* _Problem_
Only lines containing the string "IFCPRODUCTDEFINITIONSHAPE" belong in the answer; copy all of them from the entries.

Dataset entries
------------------------------

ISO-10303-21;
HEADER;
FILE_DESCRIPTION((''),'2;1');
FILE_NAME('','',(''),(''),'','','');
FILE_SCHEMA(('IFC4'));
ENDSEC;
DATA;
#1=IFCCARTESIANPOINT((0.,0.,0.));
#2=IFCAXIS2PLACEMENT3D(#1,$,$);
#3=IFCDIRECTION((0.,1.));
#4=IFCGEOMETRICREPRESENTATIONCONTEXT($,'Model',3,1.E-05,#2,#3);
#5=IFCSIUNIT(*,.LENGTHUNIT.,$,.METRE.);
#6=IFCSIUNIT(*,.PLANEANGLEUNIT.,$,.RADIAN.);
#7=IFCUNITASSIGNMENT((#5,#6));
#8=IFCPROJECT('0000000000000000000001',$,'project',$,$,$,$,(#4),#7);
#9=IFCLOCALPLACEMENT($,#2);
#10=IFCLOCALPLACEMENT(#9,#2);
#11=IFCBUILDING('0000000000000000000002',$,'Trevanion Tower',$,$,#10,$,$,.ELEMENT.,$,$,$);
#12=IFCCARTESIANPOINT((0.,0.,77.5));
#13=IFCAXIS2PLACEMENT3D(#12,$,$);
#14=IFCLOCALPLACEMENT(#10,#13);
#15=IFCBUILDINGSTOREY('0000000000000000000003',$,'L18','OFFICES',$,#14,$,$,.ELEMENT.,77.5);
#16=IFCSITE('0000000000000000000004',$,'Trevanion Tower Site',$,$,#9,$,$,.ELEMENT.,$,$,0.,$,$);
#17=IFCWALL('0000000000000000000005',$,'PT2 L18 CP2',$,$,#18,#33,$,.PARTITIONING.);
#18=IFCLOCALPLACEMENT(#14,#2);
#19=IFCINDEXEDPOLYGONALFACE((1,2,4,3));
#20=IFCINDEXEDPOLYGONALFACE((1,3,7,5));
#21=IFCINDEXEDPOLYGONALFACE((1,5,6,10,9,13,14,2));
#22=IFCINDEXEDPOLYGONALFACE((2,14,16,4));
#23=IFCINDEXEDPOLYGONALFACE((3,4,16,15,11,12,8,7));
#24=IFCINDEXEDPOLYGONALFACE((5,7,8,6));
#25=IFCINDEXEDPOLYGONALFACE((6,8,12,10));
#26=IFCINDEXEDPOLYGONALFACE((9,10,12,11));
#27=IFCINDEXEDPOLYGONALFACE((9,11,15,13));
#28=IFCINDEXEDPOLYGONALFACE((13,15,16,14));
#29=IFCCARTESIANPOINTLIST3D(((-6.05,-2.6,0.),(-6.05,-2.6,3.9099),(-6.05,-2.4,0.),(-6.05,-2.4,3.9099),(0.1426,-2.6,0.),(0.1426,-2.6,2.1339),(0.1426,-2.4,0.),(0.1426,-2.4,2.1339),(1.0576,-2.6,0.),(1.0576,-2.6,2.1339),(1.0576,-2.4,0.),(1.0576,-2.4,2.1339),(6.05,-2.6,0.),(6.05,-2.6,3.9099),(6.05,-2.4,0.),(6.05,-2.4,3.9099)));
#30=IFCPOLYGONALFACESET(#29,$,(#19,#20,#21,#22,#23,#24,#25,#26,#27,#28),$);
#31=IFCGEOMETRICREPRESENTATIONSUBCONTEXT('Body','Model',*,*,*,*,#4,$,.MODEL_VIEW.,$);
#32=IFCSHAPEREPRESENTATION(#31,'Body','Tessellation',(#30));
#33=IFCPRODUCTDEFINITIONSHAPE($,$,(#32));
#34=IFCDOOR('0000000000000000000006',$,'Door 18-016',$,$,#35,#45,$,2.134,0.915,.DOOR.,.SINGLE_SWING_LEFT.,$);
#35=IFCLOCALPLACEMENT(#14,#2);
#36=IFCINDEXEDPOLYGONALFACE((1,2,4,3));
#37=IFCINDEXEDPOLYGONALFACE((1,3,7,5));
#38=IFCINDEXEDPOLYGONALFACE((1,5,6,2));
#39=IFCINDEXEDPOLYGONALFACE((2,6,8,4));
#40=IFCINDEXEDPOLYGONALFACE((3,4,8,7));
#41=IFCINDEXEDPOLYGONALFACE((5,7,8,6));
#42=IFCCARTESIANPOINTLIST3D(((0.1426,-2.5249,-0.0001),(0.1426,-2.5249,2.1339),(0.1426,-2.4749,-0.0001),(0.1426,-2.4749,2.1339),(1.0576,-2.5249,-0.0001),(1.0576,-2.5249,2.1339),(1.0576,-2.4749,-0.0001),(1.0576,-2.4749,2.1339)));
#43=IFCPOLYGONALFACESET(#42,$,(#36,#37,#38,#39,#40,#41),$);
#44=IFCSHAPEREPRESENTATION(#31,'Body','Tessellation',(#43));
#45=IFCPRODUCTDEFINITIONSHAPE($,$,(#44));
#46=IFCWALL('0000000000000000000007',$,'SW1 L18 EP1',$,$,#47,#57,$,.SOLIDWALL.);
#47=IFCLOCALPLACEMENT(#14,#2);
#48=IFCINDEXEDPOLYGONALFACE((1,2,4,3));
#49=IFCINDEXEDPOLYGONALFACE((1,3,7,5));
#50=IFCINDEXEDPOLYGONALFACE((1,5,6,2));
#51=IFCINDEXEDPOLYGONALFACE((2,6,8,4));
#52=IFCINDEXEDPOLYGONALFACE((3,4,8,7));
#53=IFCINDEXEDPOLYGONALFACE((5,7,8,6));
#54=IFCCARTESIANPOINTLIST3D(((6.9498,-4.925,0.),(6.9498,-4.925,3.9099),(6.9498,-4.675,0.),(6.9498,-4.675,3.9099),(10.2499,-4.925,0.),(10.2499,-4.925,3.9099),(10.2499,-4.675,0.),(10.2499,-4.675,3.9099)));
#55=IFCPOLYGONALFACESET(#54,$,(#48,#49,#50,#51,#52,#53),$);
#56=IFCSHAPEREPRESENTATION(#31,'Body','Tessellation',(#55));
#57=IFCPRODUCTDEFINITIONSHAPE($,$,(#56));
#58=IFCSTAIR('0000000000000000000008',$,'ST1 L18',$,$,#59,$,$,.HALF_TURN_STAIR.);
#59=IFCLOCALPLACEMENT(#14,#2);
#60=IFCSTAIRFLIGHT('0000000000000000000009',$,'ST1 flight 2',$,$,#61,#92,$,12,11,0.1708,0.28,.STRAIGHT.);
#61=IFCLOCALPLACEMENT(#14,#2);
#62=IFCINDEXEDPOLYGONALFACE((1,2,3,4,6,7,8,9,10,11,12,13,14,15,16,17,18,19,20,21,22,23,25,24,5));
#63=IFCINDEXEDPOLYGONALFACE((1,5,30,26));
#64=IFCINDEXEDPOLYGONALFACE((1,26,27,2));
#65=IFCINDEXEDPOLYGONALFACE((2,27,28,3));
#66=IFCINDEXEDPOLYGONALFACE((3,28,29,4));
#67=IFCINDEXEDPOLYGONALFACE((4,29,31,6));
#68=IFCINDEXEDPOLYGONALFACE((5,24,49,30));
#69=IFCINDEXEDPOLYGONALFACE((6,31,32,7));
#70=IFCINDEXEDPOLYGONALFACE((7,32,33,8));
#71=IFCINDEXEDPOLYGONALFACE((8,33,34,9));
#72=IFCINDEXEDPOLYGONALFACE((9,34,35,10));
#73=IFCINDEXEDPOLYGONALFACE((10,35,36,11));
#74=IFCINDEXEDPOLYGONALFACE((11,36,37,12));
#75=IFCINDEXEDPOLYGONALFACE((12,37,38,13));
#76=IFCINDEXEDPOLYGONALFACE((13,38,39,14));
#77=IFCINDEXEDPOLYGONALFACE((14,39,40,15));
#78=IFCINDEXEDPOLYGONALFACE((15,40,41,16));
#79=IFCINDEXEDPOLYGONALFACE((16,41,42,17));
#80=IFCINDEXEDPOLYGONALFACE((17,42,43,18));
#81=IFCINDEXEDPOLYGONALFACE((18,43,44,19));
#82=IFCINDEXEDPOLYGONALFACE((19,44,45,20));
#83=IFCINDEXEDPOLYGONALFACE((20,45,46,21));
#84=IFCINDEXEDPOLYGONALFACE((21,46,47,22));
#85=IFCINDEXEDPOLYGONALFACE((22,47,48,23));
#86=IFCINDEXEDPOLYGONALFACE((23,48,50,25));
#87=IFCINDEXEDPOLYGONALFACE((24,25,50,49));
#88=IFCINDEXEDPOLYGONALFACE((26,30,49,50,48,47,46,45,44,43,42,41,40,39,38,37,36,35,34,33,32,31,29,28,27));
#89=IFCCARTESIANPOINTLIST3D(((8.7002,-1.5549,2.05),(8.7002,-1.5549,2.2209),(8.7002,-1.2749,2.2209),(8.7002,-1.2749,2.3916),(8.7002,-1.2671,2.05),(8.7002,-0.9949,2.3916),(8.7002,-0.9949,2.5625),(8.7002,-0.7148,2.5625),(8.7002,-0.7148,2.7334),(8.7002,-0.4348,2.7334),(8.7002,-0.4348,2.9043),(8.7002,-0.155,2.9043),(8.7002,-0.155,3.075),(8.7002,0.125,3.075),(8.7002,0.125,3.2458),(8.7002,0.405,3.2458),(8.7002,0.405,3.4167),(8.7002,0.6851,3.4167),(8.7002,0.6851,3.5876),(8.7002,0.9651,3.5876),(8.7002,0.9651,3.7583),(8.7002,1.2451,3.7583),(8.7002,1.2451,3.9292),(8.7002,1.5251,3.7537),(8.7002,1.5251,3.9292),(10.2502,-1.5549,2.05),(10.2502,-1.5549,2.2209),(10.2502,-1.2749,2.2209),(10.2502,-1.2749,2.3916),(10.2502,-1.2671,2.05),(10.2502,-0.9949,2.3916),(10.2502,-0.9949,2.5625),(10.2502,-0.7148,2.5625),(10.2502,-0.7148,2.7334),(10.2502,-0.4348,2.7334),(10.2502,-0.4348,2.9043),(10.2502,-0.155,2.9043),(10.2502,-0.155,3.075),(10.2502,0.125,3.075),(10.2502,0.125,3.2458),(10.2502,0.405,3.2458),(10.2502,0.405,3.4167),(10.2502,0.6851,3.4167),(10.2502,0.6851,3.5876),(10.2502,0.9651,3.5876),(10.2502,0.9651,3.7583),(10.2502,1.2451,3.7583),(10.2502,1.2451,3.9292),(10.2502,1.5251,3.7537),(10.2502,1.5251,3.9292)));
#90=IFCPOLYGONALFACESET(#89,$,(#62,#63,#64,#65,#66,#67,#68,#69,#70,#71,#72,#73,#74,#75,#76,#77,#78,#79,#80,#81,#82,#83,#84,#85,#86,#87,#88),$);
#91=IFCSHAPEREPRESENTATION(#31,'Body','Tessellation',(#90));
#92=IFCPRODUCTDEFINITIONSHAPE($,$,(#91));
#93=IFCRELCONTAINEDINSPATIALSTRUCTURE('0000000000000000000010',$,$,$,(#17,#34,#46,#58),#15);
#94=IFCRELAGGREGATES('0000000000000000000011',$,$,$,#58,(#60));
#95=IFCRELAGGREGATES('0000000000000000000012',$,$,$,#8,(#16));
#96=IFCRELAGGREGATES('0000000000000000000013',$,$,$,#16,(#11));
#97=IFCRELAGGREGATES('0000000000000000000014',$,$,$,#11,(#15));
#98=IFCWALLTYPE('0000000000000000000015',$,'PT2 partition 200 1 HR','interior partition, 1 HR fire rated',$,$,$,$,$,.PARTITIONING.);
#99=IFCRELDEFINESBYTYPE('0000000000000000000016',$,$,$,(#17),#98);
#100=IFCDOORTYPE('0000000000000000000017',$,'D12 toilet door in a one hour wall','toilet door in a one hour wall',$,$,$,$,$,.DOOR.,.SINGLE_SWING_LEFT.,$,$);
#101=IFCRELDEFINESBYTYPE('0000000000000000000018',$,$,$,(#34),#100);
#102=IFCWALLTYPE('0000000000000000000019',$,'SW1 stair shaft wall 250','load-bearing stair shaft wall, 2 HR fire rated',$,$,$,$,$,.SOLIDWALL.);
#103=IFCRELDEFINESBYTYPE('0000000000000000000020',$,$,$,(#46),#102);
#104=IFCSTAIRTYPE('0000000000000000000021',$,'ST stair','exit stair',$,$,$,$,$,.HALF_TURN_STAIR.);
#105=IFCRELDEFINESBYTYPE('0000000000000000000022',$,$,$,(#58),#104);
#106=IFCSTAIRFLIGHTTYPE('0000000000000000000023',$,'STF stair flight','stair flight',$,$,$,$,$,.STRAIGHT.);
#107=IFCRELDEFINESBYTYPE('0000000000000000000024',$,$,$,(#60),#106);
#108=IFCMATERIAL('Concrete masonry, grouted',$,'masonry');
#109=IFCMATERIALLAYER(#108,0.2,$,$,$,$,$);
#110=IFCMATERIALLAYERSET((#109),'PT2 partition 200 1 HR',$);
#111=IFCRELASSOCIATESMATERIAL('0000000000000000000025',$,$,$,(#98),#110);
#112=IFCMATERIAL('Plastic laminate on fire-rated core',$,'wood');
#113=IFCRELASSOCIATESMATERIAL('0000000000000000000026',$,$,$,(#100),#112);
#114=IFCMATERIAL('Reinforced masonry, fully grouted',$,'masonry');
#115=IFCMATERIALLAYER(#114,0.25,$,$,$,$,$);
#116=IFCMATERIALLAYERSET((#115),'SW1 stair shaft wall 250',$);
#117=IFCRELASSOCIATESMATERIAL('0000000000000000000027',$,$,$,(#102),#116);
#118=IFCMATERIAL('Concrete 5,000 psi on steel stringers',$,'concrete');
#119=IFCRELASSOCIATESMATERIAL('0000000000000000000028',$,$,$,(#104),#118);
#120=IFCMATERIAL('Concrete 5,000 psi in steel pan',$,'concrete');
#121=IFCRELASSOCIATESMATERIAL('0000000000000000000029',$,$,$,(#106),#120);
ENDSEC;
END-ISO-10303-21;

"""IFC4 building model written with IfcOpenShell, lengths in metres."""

from ifc_helpers import new_model, si_unit, direction, frame, frame_2d, origin, place, context, subcontext, project, spatial, polyline, rectangle, outline, extrude, material, layer, layer_set, type_object, element, fill, aggregate, save


model = new_model("IFC4")

# Units and contexts
model_context = context("Model", 3, precision=1e-05, world=origin(), true_north=direction((0.0, 1.0)))
body_context = subcontext(model_context, "Body", "Model", "MODEL_VIEW")
ifc_project = project(units=[si_unit("LENGTHUNIT", "METRE"), si_unit("PLANEANGLEUNIT", "RADIAN")], contexts=[model_context])

# Site, building, storey
site_placement = place(None, origin())
site = spatial("IfcSite", under=ifc_project, at=site_placement, Name="Trevanion Tower Site", CompositionType="ELEMENT", RefElevation=0.0)
building_placement = place(site_placement, origin())
building = spatial("IfcBuilding", under=site, at=building_placement, Name="Trevanion Tower", CompositionType="ELEMENT")
storey_placement = place(building_placement, frame((0.0, 0.0, 77.5)))
storey = spatial("IfcBuildingStorey", under=building, at=storey_placement, Name="L18", Description="OFFICES", CompositionType="ELEMENT", Elevation=77.5)

# Wall, opening, door
ifc_material_1 = material(Name="Concrete masonry, grouted", Category="masonry")
ifc_layer_1 = layer(ifc_material_1, 0.2)
ifc_layer_set_1 = layer_set([ifc_layer_1], Name="PT2 partition 200 1 HR")
wall_type_1 = type_object("IfcWallType", Name="PT2 partition 200 1 HR", Description="interior partition, 1 HR fire rated", PredefinedType="PARTITIONING", material=ifc_layer_set_1)
wall_1_placement = place(storey_placement, frame((6.05, -2.5, 0.0), z_axis=(0.0, 0.0, 1.0), x_axis=(-1.0, 0.0, 0.0)))
wall_1 = element("IfcWall", 1, at=wall_1_placement, inside=storey, type_object=wall_type_1, Name="PT2 L18 CP2", PredefinedType="PARTITIONING", context=body_context, shape_type="SweptSolid", body=[
    extrude(rectangle(XDim=12.1001, YDim=0.2, at=frame_2d((6.05, 0.0))), origin(), (0.0, 0.0, 1.0), 3.9099),
])
opening_1_placement = place(wall_1_placement, frame((4.9924, 0.0, 0.0)))
opening_1 = element("IfcOpeningElement", 2, at=opening_1_placement, cuts=wall_1, PredefinedType="OPENING", context=body_context, shape_type="SweptSolid", body=[
    extrude(rectangle(XDim=0.915, YDim=2.134, at=frame_2d((0.4575, 1.0669))), frame((0.0, 0.1099, 0.0), z_axis=(0.0, -1.0, 0.0), x_axis=(1.0, 0.0, 0.0)), (0.0, 0.0, 1.0), 0.22),
])
ifc_material_2 = material(Name="Plastic laminate on fire-rated core", Category="wood")
door_type_1 = type_object("IfcDoorType", Name="D12 toilet door in a one hour wall", Description="toilet door in a one hour wall", OperationType="SINGLE_SWING_LEFT", PredefinedType="DOOR", material=ifc_material_2)
door_1_placement = place(opening_1_placement, origin())
door_1 = element("IfcDoor", 3, at=door_1_placement, inside=storey, type_object=door_type_1, Name="Door 18-016", OperationType="SINGLE_SWING_LEFT", OverallHeight=2.134, OverallWidth=0.915, PredefinedType="DOOR", context=body_context, shape_type="SweptSolid", body=[
    extrude(rectangle(XDim=0.915, YDim=2.134, at=frame_2d((0.4575, 1.0669))), frame((0.0, 0.0249, 0.0), z_axis=(0.0, -1.0, 0.0), x_axis=(1.0, 0.0, 0.0)), (0.0, 0.0, 1.0), 0.05),
])
fill(opening_1, door_1)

------------------------------

* _Finished task_
#33=IFCPRODUCTDEFINITIONSHAPE($,$,(#32));
#45=IFCPRODUCTDEFINITIONSHAPE($,$,(#44));
#57=IFCPRODUCTDEFINITIONSHAPE($,$,(#56));
#92=IFCPRODUCTDEFINITIONSHAPE($,$,(#91));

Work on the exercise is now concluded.